-- Opening Marker --

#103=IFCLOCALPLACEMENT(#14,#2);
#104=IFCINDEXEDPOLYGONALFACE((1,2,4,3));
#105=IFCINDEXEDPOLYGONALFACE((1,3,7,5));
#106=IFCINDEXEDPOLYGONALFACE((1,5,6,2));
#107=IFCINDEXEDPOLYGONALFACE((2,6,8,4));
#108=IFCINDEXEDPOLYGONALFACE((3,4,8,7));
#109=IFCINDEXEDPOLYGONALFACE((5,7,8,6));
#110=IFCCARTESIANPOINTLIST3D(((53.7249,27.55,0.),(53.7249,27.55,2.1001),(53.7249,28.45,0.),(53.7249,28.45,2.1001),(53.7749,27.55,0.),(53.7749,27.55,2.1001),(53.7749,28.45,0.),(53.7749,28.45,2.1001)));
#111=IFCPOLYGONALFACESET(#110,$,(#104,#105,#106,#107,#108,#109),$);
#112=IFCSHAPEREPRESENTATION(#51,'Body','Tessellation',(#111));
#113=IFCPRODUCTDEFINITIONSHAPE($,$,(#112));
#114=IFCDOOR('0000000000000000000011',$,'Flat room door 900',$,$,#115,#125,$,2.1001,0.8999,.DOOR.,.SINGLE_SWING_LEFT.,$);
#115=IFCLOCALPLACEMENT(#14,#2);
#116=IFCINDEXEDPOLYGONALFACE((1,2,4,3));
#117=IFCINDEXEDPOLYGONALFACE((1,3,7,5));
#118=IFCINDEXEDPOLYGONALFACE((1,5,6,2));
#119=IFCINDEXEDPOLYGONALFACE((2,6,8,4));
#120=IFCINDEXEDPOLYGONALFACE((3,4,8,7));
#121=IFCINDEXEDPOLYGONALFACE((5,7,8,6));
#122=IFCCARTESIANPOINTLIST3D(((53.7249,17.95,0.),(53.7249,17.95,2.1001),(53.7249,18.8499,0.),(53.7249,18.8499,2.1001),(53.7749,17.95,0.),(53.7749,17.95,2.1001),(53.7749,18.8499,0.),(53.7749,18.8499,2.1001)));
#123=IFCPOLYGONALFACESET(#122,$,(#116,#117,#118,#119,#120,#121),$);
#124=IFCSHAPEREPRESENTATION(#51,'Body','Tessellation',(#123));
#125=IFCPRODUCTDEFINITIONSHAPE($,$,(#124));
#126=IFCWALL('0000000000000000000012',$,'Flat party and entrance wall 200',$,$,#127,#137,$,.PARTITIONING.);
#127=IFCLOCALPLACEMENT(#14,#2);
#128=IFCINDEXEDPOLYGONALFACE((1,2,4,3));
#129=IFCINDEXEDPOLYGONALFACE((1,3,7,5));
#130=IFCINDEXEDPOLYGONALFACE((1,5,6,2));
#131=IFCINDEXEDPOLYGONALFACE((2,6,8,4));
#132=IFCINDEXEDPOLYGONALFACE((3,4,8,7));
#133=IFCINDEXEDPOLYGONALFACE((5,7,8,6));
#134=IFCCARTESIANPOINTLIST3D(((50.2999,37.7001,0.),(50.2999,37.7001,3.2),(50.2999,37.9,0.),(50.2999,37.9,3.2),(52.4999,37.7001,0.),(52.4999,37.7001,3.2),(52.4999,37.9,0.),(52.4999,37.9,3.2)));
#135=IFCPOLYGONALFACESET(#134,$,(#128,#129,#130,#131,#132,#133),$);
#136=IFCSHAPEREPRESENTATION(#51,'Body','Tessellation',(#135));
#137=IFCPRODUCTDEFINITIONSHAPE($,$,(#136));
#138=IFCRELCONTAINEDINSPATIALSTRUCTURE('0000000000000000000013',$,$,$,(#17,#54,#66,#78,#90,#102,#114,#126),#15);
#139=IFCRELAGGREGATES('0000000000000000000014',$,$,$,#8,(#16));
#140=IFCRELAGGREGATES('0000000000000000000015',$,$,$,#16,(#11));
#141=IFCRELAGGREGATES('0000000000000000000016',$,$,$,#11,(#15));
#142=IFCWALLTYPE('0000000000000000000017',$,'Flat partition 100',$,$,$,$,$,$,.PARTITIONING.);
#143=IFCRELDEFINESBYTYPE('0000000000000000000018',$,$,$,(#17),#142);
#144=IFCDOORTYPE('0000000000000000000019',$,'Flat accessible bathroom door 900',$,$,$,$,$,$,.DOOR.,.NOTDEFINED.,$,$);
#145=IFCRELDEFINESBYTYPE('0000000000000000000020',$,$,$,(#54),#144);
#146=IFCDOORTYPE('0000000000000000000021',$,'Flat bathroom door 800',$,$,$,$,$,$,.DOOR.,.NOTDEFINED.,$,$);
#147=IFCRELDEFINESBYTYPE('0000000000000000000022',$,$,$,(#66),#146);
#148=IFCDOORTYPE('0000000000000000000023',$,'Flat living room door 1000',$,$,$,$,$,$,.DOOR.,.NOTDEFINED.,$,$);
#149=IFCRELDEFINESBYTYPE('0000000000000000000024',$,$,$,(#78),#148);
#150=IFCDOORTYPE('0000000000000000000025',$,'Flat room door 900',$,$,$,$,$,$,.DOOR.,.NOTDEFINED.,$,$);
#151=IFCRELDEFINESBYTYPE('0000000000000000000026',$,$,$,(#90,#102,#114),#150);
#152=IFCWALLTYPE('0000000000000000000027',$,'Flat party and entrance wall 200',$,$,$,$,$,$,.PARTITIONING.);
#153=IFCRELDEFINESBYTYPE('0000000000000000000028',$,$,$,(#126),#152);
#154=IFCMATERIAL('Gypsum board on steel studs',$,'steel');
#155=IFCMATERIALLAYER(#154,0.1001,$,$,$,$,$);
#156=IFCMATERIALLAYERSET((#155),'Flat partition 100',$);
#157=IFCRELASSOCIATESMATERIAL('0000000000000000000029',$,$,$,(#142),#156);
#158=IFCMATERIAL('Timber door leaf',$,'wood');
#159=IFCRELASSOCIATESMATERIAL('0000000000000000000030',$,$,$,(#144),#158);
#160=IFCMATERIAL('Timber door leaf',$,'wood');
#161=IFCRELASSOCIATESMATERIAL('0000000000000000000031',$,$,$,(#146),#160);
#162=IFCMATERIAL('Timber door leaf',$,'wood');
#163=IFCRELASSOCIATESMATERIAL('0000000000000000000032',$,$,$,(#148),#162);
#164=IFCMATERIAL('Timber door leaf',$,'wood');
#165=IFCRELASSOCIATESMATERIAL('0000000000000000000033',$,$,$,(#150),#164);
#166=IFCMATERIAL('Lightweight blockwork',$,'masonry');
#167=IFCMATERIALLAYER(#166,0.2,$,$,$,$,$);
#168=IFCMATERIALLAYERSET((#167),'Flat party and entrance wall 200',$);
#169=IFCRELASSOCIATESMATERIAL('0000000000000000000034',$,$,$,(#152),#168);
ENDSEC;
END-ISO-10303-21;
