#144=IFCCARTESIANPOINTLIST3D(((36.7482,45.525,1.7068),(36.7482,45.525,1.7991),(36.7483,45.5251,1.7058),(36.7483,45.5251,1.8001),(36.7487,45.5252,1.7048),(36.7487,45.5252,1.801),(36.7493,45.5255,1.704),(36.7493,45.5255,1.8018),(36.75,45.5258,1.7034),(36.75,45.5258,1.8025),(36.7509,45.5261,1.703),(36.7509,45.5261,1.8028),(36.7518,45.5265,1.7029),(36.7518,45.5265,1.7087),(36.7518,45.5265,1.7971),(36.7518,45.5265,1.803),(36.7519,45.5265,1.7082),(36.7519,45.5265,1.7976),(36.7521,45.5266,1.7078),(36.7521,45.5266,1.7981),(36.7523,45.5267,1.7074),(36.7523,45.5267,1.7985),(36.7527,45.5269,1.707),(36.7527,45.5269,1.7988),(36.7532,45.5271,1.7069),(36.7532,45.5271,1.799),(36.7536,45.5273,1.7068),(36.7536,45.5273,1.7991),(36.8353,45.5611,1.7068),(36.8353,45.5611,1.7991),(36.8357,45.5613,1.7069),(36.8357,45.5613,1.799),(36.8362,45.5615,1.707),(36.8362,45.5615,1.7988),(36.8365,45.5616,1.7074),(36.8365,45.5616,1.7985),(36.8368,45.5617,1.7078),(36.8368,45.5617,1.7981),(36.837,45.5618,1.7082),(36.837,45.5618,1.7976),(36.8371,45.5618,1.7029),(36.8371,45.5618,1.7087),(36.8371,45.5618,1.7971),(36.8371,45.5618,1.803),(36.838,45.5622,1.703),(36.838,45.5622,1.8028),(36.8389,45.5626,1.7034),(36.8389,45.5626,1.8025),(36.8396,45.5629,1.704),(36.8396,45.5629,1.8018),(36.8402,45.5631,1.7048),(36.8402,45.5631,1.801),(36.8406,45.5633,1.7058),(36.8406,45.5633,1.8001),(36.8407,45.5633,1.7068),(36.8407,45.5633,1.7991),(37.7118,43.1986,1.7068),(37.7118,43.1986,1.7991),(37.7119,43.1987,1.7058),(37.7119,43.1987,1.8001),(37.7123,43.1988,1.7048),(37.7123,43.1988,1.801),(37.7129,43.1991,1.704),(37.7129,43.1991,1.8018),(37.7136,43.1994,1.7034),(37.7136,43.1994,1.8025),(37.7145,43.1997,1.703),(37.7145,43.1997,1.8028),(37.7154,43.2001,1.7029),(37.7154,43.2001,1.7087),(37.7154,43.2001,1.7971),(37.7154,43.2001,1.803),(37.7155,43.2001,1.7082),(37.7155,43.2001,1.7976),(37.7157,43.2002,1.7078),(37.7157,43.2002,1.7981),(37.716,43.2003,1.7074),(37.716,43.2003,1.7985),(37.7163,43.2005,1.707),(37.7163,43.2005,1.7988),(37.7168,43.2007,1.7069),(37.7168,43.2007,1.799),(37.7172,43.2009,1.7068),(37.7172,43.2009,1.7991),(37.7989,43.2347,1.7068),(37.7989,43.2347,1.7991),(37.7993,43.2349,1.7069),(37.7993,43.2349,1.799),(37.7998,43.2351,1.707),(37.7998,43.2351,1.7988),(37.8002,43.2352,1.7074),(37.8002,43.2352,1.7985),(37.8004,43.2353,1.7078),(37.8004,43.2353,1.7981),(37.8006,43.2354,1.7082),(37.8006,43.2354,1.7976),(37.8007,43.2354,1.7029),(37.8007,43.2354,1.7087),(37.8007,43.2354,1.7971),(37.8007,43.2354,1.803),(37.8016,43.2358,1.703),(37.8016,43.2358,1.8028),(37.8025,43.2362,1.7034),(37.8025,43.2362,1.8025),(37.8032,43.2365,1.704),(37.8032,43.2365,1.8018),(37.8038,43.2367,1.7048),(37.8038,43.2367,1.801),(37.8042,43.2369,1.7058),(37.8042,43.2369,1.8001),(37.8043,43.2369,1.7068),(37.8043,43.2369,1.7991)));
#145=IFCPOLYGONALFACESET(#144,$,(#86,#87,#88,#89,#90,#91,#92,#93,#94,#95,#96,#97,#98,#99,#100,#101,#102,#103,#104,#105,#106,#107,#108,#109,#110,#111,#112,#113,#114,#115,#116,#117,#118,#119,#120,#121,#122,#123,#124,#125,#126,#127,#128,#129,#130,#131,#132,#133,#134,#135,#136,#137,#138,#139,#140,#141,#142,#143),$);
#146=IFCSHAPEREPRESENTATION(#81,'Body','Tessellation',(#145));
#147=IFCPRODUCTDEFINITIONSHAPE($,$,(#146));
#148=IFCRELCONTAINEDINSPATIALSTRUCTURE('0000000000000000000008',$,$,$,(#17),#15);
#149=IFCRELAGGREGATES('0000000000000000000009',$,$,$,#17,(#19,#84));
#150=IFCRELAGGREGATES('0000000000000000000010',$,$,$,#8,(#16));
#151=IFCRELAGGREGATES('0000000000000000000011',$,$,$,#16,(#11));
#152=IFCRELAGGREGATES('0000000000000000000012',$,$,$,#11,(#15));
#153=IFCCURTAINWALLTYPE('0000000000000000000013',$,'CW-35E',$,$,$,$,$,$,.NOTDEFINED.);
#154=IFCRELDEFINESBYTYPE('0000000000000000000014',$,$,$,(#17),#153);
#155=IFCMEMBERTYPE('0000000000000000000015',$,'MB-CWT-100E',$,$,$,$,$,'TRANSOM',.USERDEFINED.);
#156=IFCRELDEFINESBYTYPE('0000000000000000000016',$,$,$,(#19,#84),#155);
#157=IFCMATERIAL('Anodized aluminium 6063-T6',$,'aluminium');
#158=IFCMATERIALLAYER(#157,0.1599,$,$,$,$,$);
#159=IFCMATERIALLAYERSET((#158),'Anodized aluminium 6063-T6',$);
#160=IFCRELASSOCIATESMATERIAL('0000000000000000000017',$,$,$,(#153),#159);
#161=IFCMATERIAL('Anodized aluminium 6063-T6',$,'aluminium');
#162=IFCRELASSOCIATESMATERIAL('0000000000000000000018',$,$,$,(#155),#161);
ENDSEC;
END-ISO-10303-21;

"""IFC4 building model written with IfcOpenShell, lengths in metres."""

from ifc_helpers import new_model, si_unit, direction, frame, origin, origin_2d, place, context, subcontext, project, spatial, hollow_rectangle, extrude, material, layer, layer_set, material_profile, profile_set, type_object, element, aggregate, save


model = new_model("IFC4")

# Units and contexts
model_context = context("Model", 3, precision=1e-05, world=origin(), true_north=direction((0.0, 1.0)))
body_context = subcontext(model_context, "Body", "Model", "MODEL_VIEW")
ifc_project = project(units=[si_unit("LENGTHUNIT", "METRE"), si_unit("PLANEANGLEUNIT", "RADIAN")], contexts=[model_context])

-- Closing Marker --

### WHAT TO DO
Reproduce word for word only the first line of the listing above and each line after it through the line with "#118=IFCINDEXEDPOLYGONALFACE((1,5,6,2));".

### WRITTEN ANSWER
#103=IFCLOCALPLACEMENT(#14,#2);
#104=IFCINDEXEDPOLYGONALFACE((1,2,4,3));
#105=IFCINDEXEDPOLYGONALFACE((1,3,7,5));
#106=IFCINDEXEDPOLYGONALFACE((1,5,6,2));
#107=IFCINDEXEDPOLYGONALFACE((2,6,8,4));
#108=IFCINDEXEDPOLYGONALFACE((3,4,8,7));
#109=IFCINDEXEDPOLYGONALFACE((5,7,8,6));
#110=IFCCARTESIANPOINTLIST3D(((53.7249,27.55,0.),(53.7249,27.55,2.1001),(53.7249,28.45,0.),(53.7249,28.45,2.1001),(53.7749,27.55,0.),(53.7749,27.55,2.1001),(53.7749,28.45,0.),(53.7749,28.45,2.1001)));
#111=IFCPOLYGONALFACESET(#110,$,(#104,#105,#106,#107,#108,#109),$);
#112=IFCSHAPEREPRESENTATION(#51,'Body','Tessellation',(#111));
#113=IFCPRODUCTDEFINITIONSHAPE($,$,(#112));
#114=IFCDOOR('0000000000000000000011',$,'Flat room door 900',$,$,#115,#125,$,2.1001,0.8999,.DOOR.,.SINGLE_SWING_LEFT.,$);
#115=IFCLOCALPLACEMENT(#14,#2);
#116=IFCINDEXEDPOLYGONALFACE((1,2,4,3));
#117=IFCINDEXEDPOLYGONALFACE((1,3,7,5));
#118=IFCINDEXEDPOLYGONALFACE((1,5,6,2));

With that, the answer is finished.